**Work instructions:**
Look through the records below, and copy out every line that holds the string "Body".

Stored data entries
= = = = =

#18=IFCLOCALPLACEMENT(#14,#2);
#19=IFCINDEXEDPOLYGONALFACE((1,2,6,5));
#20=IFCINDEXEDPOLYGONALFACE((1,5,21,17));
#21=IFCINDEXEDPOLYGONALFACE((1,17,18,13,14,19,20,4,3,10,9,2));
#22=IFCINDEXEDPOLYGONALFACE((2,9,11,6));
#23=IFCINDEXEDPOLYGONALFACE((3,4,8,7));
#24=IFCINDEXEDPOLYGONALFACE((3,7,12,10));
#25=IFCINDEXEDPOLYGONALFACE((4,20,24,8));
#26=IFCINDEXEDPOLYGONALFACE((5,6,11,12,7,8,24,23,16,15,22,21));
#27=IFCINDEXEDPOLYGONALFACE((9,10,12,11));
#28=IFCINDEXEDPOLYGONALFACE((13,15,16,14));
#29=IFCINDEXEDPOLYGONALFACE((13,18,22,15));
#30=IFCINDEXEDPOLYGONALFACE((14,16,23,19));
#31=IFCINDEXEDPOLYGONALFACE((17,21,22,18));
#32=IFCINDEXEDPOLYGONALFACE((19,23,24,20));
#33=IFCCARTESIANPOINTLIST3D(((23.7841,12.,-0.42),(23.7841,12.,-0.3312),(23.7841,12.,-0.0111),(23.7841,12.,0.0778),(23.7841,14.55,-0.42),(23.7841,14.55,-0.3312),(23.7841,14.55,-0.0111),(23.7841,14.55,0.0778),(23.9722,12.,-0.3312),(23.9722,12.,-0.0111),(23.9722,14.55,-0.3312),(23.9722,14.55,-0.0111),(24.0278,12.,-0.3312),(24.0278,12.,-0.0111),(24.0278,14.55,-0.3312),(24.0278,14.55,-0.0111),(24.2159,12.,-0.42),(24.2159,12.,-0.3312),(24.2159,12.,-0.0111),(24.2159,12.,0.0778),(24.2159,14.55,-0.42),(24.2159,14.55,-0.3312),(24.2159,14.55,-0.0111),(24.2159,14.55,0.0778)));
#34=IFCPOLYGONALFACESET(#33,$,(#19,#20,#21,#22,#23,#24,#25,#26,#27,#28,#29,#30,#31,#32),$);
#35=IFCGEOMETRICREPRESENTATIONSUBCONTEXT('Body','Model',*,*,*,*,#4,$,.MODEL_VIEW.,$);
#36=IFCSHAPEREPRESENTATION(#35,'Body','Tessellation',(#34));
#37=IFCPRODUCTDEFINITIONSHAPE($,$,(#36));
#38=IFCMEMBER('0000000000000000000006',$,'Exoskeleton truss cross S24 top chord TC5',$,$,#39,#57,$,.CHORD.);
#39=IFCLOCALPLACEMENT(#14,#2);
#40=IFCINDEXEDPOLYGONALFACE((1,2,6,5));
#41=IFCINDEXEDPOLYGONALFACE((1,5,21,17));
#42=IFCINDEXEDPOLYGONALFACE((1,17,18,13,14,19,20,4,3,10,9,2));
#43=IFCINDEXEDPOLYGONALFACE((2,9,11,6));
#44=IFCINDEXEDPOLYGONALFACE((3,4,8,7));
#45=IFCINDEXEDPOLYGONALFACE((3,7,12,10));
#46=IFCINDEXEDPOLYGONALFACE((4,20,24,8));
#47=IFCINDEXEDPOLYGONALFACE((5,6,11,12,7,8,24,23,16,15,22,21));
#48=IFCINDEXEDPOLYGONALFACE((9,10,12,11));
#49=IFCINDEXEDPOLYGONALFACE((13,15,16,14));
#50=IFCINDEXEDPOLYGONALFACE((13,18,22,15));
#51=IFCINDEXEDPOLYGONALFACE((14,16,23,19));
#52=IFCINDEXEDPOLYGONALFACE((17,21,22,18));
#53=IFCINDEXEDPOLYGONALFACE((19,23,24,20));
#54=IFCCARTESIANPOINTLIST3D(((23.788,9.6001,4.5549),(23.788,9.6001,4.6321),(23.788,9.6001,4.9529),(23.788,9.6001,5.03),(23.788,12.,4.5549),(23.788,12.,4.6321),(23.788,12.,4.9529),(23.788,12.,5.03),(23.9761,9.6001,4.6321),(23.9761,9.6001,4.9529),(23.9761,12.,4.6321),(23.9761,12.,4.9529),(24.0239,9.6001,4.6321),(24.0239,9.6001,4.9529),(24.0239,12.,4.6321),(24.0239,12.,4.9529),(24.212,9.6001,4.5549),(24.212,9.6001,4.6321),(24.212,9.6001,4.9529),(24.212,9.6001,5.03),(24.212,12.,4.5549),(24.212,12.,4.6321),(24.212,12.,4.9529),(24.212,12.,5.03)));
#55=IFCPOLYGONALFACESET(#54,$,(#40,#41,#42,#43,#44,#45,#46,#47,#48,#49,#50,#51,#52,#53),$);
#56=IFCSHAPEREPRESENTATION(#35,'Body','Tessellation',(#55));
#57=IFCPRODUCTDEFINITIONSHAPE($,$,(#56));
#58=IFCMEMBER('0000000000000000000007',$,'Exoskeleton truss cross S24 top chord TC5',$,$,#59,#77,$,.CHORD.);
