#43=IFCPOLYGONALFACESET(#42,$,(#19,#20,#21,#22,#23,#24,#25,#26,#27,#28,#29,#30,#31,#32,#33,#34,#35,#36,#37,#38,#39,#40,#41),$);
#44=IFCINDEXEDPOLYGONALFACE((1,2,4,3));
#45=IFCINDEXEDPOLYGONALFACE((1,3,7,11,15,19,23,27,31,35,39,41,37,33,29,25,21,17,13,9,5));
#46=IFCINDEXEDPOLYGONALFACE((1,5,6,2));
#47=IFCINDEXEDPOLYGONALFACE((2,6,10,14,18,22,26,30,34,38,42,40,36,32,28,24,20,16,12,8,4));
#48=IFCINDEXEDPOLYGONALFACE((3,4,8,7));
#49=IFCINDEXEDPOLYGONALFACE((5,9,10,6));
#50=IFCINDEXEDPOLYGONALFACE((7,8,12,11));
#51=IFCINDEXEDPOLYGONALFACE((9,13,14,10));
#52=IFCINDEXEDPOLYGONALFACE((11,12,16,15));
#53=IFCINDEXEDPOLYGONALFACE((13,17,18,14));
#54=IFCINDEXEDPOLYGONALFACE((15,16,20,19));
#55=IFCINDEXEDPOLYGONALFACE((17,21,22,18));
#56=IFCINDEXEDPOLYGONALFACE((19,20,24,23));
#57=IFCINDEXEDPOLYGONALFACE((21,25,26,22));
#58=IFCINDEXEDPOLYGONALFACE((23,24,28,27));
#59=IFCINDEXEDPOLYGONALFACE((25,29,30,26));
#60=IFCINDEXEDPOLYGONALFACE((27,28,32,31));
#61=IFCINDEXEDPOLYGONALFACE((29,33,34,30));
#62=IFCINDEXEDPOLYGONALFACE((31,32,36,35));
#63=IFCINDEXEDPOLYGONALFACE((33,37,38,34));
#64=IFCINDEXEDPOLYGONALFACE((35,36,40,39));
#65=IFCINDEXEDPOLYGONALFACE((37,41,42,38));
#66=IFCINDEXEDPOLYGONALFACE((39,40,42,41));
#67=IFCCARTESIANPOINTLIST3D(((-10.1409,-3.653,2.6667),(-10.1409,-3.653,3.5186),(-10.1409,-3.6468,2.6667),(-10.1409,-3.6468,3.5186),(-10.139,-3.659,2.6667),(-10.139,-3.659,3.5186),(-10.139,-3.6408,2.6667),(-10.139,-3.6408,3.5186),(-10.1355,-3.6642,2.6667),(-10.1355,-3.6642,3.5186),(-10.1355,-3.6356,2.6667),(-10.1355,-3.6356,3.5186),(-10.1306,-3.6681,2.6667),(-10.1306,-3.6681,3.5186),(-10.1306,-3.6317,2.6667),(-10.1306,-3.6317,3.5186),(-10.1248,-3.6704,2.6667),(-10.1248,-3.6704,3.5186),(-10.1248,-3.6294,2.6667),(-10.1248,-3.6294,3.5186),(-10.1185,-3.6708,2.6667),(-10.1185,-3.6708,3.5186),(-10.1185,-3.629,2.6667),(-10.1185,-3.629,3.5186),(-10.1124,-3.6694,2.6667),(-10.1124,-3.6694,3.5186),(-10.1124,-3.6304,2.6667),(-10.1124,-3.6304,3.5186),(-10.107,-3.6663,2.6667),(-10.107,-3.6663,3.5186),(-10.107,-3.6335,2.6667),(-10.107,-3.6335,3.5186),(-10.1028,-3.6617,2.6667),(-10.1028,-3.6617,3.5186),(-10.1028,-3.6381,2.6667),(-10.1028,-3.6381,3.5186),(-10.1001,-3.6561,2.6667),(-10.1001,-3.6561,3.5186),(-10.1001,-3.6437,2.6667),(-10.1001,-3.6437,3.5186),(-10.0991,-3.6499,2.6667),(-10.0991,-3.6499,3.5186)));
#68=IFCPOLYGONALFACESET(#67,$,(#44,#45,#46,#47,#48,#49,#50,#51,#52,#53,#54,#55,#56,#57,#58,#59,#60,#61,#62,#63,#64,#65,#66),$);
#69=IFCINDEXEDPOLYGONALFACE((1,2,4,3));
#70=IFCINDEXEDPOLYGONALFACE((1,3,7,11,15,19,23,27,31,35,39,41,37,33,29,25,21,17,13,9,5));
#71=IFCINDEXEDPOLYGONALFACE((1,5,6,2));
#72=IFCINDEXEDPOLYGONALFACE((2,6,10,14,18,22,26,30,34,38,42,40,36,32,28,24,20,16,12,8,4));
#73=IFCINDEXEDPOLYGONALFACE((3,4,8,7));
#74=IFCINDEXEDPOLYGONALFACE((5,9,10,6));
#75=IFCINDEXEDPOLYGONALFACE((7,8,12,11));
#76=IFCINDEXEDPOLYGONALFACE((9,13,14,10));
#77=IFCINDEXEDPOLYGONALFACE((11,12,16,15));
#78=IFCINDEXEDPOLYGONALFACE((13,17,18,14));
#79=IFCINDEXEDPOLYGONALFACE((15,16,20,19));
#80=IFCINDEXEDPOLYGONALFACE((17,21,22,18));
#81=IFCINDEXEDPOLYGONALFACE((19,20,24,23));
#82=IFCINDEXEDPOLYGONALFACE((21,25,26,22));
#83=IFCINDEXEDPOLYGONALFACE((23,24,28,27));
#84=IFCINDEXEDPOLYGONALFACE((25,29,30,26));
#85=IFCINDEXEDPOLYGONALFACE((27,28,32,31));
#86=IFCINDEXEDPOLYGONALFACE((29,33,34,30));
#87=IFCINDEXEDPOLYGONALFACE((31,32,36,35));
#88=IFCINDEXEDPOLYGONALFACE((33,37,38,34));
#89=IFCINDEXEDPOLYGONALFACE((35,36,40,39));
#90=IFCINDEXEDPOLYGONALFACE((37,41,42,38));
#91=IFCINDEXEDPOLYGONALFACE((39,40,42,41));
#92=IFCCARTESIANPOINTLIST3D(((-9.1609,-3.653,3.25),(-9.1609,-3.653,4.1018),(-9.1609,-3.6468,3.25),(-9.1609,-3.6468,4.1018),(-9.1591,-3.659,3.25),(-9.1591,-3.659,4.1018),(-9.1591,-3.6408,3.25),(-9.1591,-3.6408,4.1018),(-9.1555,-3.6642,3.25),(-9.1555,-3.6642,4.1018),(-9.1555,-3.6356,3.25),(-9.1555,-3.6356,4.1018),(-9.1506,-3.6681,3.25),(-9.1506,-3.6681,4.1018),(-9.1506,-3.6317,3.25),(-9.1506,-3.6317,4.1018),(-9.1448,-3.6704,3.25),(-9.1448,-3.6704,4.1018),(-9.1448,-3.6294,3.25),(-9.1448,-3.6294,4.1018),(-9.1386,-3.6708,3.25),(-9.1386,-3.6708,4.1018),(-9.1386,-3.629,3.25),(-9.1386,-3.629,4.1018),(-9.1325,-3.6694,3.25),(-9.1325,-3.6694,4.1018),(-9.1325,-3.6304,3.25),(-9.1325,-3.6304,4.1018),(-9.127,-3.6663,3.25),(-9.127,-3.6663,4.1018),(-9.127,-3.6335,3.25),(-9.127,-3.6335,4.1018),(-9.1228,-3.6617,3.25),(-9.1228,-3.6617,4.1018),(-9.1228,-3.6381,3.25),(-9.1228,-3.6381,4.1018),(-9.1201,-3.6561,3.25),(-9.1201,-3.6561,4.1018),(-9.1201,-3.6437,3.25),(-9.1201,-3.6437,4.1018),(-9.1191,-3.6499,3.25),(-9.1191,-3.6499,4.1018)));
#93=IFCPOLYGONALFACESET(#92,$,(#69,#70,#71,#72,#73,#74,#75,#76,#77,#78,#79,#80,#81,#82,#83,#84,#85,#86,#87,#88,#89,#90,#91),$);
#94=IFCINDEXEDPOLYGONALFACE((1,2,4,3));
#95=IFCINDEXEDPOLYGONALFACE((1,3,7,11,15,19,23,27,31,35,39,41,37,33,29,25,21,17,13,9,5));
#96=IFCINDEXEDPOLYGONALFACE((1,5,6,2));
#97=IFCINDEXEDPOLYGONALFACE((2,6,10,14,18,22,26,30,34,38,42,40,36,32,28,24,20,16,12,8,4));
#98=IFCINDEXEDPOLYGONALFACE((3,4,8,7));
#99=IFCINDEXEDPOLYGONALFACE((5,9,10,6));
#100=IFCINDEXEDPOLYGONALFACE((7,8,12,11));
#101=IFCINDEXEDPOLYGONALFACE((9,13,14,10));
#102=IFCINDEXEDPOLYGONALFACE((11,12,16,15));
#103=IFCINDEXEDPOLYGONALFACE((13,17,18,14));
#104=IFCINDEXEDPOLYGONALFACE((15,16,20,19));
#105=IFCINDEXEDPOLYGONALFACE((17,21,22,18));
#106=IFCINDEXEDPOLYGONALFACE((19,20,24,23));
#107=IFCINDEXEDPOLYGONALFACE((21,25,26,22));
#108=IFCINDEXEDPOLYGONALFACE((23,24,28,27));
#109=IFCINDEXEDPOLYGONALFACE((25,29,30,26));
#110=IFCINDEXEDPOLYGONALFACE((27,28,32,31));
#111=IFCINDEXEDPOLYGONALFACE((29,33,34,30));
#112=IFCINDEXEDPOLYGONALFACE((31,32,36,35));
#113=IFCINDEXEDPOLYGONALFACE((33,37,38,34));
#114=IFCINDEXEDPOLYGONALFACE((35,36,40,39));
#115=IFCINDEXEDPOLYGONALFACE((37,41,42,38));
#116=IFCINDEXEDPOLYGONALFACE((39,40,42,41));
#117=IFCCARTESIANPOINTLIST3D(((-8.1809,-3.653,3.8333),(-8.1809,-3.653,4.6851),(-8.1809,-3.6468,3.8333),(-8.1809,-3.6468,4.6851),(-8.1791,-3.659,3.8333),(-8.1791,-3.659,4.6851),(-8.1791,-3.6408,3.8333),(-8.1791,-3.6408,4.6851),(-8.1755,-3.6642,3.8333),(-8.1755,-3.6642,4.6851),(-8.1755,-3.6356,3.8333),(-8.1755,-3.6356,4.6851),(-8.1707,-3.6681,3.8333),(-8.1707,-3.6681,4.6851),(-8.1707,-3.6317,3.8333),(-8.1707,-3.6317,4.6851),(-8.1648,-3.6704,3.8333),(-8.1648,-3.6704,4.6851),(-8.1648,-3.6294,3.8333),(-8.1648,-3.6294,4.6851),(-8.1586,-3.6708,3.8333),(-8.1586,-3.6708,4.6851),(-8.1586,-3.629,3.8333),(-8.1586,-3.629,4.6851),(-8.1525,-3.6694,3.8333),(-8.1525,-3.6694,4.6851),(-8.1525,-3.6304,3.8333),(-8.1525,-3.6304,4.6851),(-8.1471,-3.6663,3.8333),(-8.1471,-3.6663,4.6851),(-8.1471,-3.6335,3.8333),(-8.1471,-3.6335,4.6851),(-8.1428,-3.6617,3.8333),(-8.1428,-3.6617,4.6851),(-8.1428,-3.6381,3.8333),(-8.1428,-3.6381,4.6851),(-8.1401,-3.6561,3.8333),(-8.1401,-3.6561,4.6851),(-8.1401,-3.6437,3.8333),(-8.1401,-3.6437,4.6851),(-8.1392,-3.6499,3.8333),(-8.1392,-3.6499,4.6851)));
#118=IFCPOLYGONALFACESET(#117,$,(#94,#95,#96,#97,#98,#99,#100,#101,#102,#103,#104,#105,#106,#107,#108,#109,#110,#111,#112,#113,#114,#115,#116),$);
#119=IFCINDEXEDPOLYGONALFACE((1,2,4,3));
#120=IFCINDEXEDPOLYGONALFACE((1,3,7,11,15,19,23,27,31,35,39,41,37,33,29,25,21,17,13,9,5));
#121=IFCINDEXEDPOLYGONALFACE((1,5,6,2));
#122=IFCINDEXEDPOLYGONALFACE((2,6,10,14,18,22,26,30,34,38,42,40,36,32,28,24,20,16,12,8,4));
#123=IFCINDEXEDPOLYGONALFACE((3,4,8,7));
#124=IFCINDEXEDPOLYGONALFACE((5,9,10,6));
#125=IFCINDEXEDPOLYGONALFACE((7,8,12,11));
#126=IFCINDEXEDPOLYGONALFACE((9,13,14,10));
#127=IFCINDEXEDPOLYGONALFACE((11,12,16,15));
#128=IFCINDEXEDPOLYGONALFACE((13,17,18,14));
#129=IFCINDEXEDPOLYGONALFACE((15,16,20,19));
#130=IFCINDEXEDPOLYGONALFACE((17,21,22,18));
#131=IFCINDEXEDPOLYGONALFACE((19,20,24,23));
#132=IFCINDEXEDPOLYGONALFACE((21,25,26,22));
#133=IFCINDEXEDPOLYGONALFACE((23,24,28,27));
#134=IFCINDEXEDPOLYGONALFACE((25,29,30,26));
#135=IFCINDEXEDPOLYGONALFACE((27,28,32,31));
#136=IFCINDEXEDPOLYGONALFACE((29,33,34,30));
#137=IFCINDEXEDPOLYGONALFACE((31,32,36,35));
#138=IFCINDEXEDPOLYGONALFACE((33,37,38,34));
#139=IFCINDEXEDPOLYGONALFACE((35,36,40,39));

= = = = =

**Solution below:**
#35=IFCGEOMETRICREPRESENTATIONSUBCONTEXT('Body','Model',*,*,*,*,#4,$,.MODEL_VIEW.,$);
#36=IFCSHAPEREPRESENTATION(#35,'Body','Tessellation',(#34));
#56=IFCSHAPEREPRESENTATION(#35,'Body','Tessellation',(#55));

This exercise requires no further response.